▸ **What to produce**: For the listing below, print exactly the lines from the line with "#89=IFCINDEXEDPOLYGONALFACE((5,9,10,6));" to the line with "#106=IFCINDEXEDPOLYGONALFACE((39,40,42,41));", both included, and nothing beyond them.

▸ **Exercise data**:

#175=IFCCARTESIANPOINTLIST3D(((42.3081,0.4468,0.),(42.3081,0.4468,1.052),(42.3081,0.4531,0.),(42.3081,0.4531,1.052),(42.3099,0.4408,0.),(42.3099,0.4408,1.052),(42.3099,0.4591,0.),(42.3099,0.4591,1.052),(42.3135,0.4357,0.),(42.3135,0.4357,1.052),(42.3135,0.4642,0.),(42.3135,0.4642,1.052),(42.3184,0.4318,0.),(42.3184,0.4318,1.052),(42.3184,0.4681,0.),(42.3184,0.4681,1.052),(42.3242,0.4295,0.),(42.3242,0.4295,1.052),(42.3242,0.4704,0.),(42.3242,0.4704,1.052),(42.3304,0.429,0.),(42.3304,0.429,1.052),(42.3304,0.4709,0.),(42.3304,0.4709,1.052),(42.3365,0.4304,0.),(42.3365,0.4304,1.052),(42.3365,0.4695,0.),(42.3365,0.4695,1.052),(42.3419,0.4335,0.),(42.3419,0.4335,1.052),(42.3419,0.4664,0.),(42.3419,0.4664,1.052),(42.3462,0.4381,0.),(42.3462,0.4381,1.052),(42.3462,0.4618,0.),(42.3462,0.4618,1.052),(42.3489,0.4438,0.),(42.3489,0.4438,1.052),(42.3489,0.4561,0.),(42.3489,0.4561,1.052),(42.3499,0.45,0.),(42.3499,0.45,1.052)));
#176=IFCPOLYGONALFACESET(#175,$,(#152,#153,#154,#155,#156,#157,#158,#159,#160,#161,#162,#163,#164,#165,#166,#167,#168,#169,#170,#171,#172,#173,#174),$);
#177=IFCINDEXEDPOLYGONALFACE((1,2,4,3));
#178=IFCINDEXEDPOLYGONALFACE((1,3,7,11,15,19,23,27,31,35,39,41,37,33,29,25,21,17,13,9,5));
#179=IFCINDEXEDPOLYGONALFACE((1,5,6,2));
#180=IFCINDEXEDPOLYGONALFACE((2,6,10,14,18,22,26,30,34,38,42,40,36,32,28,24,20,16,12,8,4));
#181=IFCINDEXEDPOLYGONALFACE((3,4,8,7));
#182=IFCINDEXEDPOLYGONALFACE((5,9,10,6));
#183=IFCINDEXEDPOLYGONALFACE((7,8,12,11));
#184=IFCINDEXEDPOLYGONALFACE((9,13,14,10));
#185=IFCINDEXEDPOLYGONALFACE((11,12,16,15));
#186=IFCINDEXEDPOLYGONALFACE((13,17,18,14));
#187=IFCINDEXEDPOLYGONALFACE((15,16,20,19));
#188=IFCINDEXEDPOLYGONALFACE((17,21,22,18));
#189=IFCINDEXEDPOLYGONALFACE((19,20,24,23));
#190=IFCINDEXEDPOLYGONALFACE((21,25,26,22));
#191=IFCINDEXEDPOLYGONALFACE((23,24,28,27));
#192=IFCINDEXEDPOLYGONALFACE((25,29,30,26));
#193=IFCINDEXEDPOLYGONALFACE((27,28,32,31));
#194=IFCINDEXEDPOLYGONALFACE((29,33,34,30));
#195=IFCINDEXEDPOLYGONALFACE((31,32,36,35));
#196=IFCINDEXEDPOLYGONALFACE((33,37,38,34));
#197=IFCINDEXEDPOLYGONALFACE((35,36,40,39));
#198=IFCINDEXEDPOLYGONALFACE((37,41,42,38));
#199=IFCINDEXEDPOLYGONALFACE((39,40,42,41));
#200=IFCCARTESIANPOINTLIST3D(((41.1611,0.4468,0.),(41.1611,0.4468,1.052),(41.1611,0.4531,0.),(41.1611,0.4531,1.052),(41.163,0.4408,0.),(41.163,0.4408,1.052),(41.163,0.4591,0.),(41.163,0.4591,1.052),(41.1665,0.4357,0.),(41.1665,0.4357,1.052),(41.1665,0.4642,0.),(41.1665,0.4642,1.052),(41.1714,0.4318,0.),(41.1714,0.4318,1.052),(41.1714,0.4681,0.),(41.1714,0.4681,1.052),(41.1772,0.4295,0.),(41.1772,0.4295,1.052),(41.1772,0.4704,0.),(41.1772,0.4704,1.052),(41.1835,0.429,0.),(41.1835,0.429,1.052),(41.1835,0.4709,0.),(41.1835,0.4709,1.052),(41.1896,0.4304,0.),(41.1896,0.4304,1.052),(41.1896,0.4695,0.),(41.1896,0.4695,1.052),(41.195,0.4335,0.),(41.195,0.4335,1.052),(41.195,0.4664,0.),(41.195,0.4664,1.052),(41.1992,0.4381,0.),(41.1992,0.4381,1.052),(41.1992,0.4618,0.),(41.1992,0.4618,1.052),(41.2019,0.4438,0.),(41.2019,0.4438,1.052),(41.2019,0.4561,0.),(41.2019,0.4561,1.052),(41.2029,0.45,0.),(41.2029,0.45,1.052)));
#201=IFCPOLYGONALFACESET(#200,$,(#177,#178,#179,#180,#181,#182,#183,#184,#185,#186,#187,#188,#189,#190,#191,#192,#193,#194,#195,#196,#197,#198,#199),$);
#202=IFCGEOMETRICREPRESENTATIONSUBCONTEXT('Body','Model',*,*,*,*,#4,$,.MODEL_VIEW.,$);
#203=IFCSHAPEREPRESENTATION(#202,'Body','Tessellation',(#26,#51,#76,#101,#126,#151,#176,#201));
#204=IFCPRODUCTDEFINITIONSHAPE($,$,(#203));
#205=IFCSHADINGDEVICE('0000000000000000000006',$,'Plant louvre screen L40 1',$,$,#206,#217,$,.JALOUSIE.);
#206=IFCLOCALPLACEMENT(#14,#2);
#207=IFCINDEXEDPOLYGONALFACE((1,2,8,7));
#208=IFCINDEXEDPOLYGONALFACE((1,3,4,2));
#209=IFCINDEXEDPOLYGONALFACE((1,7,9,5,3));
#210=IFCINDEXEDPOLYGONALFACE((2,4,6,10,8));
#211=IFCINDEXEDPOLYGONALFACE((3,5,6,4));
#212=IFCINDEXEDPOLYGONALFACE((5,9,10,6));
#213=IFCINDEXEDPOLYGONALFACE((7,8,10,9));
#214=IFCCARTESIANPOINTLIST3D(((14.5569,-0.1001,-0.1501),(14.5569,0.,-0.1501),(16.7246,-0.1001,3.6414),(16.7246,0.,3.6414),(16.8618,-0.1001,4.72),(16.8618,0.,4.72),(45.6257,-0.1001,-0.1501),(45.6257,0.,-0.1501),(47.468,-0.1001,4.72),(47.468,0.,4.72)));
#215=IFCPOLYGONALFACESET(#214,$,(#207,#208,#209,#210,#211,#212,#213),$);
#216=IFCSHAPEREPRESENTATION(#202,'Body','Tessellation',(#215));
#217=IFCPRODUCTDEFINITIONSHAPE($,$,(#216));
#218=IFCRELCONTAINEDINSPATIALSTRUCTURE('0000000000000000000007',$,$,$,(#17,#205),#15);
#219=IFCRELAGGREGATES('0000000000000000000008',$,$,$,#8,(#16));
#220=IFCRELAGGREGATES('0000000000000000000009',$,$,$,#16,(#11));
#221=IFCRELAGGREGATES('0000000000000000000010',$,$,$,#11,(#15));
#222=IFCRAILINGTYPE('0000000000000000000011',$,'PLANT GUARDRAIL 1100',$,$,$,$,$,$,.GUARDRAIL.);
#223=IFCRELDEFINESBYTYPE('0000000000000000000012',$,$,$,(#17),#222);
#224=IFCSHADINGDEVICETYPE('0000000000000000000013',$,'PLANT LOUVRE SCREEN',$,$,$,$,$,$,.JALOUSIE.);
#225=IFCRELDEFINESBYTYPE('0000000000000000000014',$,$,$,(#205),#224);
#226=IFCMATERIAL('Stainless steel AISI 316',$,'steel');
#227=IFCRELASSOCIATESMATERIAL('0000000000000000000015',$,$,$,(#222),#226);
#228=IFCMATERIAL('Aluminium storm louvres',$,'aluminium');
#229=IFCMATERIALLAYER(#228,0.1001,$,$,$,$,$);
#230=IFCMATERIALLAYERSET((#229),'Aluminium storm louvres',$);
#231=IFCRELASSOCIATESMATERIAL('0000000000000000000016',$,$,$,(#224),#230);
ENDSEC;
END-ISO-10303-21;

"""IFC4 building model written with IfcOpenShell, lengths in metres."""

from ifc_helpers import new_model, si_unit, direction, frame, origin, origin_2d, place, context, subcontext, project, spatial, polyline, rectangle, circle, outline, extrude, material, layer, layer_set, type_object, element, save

---

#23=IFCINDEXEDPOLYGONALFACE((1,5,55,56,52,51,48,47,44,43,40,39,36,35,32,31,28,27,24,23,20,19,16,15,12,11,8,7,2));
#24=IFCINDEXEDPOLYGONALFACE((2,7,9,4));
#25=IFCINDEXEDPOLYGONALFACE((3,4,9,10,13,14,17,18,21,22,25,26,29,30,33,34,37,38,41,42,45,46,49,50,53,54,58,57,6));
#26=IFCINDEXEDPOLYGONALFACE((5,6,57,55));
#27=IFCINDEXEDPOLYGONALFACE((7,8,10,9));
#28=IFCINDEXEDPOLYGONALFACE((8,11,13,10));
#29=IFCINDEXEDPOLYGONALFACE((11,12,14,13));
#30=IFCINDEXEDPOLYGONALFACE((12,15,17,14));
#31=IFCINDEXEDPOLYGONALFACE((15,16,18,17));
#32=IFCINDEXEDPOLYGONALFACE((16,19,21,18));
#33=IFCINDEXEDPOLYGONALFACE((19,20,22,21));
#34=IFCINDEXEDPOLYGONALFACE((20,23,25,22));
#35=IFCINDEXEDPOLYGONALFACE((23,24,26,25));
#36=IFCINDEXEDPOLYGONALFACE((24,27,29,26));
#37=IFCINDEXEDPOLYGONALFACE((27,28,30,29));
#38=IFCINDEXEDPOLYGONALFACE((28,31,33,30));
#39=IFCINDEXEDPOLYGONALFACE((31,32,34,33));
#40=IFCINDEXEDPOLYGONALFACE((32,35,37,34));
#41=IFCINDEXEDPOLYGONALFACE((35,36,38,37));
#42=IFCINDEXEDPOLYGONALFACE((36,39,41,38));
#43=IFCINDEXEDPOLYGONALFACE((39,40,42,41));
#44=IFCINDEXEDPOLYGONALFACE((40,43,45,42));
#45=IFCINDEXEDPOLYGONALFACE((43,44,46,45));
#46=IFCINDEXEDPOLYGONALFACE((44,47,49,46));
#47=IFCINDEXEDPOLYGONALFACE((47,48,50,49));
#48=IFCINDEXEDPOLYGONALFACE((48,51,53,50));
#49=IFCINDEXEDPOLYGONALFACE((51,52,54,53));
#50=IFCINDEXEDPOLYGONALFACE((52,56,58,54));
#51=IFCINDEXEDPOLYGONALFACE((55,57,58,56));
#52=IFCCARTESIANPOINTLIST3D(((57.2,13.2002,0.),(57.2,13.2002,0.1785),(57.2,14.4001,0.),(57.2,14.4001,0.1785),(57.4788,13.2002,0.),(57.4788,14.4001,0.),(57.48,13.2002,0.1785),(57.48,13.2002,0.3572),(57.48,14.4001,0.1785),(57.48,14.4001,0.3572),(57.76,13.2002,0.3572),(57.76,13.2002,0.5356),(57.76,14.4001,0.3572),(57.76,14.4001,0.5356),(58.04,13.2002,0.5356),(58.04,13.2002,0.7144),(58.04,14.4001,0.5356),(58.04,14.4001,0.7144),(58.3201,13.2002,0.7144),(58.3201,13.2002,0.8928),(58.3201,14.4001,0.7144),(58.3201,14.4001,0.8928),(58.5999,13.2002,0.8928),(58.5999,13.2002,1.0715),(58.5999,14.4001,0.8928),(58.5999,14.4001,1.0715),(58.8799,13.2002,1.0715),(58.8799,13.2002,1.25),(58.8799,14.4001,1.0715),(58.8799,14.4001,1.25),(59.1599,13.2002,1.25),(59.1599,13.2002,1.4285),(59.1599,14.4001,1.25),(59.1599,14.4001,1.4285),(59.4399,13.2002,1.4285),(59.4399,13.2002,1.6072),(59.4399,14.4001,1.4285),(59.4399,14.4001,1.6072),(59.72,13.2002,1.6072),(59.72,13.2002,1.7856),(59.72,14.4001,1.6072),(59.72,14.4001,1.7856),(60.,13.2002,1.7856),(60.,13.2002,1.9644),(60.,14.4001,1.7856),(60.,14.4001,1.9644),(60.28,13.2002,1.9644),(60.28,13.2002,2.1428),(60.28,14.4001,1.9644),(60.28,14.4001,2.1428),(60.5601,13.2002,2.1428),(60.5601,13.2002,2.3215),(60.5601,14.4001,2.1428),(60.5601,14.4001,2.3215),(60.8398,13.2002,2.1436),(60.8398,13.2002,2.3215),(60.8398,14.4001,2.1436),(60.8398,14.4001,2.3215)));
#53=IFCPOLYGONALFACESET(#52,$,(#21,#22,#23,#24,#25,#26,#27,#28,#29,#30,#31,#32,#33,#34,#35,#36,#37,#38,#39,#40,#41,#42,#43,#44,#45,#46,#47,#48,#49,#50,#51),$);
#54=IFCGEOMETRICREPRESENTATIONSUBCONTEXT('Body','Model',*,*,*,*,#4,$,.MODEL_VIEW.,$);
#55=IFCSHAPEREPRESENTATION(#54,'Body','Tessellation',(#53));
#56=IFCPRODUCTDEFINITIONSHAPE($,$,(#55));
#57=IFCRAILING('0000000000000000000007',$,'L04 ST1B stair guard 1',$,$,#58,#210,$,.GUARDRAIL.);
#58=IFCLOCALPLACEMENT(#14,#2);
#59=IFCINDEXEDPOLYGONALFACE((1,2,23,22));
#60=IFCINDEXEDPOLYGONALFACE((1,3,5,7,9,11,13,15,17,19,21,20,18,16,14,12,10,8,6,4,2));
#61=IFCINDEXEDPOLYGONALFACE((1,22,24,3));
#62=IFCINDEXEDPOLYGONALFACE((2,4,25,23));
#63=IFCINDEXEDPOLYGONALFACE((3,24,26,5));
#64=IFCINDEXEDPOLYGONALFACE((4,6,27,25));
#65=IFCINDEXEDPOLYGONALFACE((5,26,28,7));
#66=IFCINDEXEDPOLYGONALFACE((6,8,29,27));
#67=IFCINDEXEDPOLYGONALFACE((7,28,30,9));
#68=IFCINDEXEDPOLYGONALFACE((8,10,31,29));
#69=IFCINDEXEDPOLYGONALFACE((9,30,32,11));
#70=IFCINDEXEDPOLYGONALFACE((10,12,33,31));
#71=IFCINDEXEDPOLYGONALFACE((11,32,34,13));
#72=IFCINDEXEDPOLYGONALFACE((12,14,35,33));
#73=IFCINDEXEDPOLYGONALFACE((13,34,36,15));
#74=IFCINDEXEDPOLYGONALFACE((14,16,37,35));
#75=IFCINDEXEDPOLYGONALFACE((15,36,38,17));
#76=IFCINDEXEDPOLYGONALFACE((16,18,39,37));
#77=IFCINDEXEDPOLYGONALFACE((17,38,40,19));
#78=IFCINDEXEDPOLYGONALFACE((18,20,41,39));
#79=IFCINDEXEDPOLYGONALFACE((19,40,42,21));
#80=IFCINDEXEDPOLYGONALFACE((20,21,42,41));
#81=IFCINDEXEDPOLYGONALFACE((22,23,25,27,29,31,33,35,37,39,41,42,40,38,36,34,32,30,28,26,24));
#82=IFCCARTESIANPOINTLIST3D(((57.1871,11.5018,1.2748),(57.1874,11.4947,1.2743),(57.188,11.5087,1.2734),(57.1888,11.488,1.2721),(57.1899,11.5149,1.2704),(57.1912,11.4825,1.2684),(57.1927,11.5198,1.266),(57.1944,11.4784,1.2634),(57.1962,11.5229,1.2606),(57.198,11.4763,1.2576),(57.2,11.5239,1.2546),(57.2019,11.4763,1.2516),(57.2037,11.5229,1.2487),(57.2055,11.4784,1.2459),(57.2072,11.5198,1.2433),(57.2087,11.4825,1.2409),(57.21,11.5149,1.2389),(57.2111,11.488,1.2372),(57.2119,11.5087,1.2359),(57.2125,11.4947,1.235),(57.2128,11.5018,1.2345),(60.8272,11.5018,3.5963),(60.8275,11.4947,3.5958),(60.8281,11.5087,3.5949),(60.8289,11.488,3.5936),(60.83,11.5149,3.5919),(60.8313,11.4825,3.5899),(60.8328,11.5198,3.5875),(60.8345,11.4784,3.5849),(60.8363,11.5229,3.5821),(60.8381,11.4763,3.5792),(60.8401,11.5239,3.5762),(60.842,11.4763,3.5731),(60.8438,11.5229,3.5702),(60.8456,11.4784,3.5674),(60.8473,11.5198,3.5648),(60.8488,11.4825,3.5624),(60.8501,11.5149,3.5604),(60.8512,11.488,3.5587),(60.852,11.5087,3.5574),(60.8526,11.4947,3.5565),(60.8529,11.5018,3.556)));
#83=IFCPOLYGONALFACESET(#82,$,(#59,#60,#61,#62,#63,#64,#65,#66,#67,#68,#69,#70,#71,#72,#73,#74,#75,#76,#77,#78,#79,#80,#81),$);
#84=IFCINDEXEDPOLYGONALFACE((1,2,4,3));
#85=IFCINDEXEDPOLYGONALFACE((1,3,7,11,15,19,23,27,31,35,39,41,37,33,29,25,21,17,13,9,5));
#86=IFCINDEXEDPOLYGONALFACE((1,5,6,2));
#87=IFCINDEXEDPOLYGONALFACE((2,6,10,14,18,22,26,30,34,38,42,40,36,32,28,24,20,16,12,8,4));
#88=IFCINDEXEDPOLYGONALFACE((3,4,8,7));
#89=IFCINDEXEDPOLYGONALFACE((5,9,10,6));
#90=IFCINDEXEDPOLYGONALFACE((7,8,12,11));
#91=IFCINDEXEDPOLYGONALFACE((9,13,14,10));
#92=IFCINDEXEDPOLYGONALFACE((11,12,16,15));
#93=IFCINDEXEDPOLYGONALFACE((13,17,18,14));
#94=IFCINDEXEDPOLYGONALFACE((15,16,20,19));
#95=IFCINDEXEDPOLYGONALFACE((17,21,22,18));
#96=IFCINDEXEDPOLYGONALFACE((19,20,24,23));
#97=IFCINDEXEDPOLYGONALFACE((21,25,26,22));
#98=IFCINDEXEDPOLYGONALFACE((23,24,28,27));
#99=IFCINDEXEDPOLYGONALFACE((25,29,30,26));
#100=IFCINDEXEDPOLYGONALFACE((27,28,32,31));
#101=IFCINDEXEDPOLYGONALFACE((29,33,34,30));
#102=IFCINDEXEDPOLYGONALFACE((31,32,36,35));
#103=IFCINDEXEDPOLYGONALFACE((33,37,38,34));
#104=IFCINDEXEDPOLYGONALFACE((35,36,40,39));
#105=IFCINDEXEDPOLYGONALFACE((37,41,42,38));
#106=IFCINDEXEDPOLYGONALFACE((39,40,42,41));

▸ **Response to the task**:
#89=IFCINDEXEDPOLYGONALFACE((5,9,10,6));
#90=IFCINDEXEDPOLYGONALFACE((7,8,12,11));
#91=IFCINDEXEDPOLYGONALFACE((9,13,14,10));
#92=IFCINDEXEDPOLYGONALFACE((11,12,16,15));
#93=IFCINDEXEDPOLYGONALFACE((13,17,18,14));
#94=IFCINDEXEDPOLYGONALFACE((15,16,20,19));
#95=IFCINDEXEDPOLYGONALFACE((17,21,22,18));
#96=IFCINDEXEDPOLYGONALFACE((19,20,24,23));
#97=IFCINDEXEDPOLYGONALFACE((21,25,26,22));
#98=IFCINDEXEDPOLYGONALFACE((23,24,28,27));
#99=IFCINDEXEDPOLYGONALFACE((25,29,30,26));
#100=IFCINDEXEDPOLYGONALFACE((27,28,32,31));
#101=IFCINDEXEDPOLYGONALFACE((29,33,34,30));
#102=IFCINDEXEDPOLYGONALFACE((31,32,36,35));
#103=IFCINDEXEDPOLYGONALFACE((33,37,38,34));
#104=IFCINDEXEDPOLYGONALFACE((35,36,40,39));
#105=IFCINDEXEDPOLYGONALFACE((37,41,42,38));
#106=IFCINDEXEDPOLYGONALFACE((39,40,42,41));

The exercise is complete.